**Aim of the exercise:**
Collect from the data below each line with "Brushed".

**Exercise data:**
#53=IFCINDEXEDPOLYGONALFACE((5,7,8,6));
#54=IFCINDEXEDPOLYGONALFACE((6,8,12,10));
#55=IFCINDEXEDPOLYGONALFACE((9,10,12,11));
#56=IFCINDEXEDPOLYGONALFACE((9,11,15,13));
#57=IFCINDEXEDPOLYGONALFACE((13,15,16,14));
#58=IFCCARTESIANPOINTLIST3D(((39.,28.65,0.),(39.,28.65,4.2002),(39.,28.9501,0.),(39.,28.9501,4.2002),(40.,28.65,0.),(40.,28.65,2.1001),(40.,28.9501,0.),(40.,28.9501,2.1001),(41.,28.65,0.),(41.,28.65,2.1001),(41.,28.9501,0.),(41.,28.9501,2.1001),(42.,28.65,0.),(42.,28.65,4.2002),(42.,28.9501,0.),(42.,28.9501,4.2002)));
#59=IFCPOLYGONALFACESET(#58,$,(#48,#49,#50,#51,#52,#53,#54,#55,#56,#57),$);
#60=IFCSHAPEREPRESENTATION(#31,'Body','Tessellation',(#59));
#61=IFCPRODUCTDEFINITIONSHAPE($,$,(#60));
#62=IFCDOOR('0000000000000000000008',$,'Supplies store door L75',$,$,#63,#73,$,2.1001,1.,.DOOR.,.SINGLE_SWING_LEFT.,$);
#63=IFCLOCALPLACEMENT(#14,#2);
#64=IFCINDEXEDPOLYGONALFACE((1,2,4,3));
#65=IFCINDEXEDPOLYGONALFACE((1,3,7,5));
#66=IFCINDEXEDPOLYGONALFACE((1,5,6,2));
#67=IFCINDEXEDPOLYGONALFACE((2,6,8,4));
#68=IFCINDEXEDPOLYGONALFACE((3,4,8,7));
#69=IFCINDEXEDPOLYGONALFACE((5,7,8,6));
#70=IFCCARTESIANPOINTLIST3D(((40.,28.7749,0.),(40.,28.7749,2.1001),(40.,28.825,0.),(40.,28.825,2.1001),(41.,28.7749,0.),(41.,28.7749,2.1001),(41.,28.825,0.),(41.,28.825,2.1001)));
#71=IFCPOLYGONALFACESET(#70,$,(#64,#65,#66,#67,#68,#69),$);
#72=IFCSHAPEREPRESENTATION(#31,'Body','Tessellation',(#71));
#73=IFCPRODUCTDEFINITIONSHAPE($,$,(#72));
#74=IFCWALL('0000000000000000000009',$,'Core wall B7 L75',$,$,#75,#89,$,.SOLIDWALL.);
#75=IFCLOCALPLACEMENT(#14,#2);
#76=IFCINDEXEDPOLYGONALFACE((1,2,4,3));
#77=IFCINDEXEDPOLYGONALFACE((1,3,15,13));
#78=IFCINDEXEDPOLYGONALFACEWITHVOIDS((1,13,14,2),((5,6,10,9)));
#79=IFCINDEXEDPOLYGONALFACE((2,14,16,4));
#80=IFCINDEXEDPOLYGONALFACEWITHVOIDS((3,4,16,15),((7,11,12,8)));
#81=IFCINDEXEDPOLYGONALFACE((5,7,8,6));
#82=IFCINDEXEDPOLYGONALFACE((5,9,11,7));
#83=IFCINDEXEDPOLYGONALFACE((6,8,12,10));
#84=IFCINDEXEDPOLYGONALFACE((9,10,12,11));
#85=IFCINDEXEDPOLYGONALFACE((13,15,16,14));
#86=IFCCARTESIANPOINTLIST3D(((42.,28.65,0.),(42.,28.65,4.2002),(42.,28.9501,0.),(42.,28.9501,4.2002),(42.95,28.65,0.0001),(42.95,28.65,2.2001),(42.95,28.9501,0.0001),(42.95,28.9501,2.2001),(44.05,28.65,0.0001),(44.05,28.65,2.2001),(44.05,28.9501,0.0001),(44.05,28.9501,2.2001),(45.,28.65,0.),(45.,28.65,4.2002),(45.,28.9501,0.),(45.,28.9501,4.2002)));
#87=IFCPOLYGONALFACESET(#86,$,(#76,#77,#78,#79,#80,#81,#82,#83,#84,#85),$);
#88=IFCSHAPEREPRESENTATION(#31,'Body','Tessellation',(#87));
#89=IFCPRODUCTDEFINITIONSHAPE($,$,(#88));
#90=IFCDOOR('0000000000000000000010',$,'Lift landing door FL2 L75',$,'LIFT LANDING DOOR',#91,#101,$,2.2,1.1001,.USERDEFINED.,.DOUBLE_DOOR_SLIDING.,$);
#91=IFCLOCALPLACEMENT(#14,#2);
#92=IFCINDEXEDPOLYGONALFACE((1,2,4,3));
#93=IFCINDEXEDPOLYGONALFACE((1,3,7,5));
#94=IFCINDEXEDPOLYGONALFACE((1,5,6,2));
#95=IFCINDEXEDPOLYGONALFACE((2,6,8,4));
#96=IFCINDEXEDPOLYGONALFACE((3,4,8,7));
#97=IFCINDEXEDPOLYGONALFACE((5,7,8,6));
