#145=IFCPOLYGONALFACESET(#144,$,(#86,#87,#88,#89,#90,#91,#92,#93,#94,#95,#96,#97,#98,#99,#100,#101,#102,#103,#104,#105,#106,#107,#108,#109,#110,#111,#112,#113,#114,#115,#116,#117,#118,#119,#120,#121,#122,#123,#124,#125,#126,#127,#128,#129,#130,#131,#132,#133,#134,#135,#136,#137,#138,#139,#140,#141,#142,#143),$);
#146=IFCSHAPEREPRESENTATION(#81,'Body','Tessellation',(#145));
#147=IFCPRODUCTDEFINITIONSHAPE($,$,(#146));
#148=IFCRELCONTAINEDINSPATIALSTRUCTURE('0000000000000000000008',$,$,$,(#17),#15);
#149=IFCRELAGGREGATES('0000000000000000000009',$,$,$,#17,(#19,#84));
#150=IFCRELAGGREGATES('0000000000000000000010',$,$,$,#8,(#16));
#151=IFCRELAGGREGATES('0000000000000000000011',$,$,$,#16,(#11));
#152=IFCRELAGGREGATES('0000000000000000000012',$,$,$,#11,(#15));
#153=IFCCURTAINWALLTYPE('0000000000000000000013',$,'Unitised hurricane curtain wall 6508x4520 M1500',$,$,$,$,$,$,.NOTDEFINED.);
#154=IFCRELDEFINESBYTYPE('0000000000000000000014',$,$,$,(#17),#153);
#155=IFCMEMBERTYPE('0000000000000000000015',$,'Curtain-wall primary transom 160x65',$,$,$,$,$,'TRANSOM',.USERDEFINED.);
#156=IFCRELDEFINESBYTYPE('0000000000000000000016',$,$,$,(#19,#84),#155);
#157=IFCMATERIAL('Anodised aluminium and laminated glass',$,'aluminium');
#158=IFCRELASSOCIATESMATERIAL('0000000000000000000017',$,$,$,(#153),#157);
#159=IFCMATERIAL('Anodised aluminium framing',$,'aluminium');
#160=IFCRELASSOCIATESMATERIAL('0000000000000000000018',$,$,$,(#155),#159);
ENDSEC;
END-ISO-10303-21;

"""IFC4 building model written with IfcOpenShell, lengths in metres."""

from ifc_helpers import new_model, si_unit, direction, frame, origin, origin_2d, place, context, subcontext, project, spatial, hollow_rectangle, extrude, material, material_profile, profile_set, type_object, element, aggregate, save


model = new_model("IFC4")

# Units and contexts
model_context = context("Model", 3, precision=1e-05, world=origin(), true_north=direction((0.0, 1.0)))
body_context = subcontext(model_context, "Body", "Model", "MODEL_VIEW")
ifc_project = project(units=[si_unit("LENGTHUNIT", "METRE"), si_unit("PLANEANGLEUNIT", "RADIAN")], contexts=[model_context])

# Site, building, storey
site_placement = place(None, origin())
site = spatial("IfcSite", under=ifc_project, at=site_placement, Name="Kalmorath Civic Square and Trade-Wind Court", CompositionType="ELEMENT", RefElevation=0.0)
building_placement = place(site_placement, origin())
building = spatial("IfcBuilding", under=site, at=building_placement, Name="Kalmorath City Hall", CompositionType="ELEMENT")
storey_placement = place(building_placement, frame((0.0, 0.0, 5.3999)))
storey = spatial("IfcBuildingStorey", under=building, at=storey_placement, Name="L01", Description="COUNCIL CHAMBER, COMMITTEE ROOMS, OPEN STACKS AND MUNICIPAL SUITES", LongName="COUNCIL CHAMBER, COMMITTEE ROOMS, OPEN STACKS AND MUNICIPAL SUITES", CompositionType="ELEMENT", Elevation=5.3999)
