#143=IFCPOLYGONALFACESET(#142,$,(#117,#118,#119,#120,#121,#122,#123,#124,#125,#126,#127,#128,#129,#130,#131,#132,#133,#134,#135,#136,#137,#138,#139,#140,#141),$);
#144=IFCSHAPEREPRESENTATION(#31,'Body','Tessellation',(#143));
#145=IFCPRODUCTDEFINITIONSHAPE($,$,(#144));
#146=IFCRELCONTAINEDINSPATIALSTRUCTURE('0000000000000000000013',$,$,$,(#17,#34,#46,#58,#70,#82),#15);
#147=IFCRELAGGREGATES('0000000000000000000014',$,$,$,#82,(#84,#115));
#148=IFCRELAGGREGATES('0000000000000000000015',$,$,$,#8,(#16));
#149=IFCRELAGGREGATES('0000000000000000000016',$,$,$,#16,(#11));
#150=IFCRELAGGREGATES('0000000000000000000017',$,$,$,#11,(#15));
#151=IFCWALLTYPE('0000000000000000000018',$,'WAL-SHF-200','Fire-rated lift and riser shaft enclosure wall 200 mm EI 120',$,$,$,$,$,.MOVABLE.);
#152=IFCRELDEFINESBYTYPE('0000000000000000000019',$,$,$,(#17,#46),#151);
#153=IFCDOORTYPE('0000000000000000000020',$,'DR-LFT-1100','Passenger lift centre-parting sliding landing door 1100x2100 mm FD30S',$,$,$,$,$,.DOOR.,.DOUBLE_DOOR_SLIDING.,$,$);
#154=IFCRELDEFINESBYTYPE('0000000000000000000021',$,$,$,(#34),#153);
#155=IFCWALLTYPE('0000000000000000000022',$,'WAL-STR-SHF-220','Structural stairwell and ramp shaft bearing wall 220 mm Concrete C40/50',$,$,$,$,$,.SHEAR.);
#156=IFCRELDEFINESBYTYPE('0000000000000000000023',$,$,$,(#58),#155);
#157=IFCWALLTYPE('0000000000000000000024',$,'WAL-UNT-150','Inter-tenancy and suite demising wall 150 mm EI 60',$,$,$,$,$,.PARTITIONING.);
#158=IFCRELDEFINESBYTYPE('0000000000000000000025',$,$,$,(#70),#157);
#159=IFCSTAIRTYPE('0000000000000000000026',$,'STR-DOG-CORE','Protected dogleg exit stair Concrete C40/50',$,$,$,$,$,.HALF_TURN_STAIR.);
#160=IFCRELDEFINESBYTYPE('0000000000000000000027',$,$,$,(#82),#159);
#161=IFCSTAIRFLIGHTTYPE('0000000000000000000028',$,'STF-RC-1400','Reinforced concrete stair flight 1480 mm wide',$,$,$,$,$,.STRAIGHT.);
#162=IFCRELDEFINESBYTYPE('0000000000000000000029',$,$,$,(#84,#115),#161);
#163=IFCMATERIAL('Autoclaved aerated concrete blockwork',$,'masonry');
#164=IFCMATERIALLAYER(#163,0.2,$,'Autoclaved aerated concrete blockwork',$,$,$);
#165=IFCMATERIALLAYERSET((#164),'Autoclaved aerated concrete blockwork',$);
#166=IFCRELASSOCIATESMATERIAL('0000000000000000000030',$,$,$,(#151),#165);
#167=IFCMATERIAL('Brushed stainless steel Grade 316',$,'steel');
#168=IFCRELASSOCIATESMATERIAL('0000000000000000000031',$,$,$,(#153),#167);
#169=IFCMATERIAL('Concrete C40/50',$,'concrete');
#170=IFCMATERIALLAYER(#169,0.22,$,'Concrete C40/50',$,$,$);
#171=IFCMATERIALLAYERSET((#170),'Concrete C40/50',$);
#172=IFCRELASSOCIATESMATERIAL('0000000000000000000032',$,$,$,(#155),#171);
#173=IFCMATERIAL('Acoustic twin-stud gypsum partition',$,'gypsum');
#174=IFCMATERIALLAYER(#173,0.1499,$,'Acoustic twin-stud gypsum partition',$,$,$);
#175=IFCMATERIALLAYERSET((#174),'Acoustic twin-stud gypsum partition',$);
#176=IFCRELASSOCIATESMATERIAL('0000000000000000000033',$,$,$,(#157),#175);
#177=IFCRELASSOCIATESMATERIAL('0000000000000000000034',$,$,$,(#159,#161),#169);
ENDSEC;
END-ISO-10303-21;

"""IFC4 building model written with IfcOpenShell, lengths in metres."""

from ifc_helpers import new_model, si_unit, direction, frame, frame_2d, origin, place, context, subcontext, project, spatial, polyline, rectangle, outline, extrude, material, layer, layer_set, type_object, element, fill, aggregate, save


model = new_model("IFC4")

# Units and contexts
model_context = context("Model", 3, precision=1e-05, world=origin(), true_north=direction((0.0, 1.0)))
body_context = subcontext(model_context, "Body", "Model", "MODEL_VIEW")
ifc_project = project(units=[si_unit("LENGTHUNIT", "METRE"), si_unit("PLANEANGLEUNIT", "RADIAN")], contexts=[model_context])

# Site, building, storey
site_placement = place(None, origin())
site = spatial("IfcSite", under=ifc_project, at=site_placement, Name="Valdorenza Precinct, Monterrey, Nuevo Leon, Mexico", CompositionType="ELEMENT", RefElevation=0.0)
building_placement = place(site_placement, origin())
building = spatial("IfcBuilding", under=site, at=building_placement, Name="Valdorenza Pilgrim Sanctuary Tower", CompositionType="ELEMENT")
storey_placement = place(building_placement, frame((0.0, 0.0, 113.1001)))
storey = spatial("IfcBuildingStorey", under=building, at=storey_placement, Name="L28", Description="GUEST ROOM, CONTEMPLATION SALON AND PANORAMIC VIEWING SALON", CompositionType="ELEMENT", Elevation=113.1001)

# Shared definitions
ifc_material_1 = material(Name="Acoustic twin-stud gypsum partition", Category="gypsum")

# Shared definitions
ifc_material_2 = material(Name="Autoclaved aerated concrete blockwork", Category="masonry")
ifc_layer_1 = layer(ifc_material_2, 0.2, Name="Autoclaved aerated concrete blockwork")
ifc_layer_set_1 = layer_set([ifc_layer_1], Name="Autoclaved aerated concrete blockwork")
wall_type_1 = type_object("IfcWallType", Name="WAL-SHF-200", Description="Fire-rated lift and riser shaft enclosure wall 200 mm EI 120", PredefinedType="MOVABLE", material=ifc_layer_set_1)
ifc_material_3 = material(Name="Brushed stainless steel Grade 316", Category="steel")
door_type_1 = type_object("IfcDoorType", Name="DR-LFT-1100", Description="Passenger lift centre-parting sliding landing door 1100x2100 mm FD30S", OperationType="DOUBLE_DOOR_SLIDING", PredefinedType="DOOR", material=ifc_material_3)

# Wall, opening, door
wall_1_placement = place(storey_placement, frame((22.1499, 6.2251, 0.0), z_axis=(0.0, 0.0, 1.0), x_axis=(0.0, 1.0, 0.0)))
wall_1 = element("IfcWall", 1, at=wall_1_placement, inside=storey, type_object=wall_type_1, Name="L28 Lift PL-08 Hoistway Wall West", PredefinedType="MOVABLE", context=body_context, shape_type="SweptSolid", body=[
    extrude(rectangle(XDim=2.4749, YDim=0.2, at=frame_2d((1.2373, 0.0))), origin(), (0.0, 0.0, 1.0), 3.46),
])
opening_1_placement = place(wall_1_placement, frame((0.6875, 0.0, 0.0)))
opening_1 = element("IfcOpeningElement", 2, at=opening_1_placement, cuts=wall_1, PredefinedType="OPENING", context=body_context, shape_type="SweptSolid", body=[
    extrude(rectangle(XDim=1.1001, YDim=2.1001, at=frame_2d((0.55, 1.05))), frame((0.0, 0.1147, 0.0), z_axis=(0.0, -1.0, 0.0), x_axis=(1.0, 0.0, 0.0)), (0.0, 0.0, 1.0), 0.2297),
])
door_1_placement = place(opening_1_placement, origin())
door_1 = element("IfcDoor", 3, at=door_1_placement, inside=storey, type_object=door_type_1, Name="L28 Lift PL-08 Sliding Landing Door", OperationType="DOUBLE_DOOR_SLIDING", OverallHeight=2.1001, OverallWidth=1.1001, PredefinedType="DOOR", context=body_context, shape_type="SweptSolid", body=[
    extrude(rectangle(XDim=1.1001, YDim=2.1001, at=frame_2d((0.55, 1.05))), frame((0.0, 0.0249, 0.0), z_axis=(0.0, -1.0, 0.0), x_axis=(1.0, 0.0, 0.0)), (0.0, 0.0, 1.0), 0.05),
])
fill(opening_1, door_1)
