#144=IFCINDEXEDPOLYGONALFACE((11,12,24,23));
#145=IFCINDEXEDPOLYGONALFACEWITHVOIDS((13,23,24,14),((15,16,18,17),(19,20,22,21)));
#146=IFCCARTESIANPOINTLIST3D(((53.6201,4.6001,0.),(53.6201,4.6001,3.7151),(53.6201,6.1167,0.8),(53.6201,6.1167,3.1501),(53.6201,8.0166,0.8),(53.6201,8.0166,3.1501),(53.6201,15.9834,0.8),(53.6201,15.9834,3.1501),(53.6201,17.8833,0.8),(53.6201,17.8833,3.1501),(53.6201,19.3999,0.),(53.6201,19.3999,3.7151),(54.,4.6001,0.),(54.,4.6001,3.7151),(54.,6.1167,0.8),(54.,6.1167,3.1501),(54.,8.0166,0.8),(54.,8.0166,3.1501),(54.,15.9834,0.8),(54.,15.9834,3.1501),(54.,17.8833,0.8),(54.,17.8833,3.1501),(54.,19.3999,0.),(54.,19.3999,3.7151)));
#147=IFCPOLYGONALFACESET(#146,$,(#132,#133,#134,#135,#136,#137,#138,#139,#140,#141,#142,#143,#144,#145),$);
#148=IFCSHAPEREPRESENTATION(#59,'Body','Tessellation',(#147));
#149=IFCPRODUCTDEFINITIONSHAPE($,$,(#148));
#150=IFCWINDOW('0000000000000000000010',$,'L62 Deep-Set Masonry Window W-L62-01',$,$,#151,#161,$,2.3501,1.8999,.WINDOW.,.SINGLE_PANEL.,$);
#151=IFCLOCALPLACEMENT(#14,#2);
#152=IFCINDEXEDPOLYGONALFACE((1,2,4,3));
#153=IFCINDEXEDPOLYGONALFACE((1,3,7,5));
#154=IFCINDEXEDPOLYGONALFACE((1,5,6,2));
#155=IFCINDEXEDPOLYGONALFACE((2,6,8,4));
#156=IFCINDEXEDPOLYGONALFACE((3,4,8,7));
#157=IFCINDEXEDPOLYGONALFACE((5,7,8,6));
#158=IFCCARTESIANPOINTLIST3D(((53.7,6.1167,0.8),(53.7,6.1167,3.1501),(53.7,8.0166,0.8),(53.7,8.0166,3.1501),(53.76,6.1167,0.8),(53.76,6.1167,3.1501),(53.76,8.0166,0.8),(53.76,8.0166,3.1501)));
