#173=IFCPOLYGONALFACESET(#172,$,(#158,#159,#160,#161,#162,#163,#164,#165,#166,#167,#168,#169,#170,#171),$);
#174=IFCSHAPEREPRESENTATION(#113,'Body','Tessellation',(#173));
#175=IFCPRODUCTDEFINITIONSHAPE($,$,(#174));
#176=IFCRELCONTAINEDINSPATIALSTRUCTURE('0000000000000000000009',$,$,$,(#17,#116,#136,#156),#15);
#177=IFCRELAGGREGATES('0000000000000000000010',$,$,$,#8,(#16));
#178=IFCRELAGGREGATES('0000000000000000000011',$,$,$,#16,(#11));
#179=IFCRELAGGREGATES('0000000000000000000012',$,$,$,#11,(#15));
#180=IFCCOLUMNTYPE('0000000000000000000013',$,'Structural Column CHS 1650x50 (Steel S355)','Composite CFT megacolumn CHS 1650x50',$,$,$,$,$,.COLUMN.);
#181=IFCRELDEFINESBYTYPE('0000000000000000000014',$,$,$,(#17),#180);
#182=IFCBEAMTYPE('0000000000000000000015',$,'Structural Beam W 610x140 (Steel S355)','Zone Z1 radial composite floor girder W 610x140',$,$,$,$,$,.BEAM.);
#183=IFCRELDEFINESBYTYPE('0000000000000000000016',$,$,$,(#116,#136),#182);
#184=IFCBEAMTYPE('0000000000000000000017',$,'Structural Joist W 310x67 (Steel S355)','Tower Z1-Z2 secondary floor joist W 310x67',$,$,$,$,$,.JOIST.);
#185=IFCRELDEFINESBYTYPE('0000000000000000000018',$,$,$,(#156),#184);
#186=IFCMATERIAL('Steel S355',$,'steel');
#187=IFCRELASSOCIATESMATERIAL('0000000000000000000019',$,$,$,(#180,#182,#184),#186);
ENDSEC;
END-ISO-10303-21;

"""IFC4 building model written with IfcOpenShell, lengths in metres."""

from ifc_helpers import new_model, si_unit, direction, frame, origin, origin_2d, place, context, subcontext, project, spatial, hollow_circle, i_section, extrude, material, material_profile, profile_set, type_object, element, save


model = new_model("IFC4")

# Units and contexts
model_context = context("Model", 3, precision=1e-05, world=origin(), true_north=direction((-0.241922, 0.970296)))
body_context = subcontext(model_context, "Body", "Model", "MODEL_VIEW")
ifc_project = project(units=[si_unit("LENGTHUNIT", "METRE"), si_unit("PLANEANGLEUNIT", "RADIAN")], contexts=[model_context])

**Solution to the exercise:**
#167=IFCMATERIAL('Brushed stainless steel Grade 316',$,'steel');
ifc_material_3 = material(Name="Brushed stainless steel Grade 316", Category="steel")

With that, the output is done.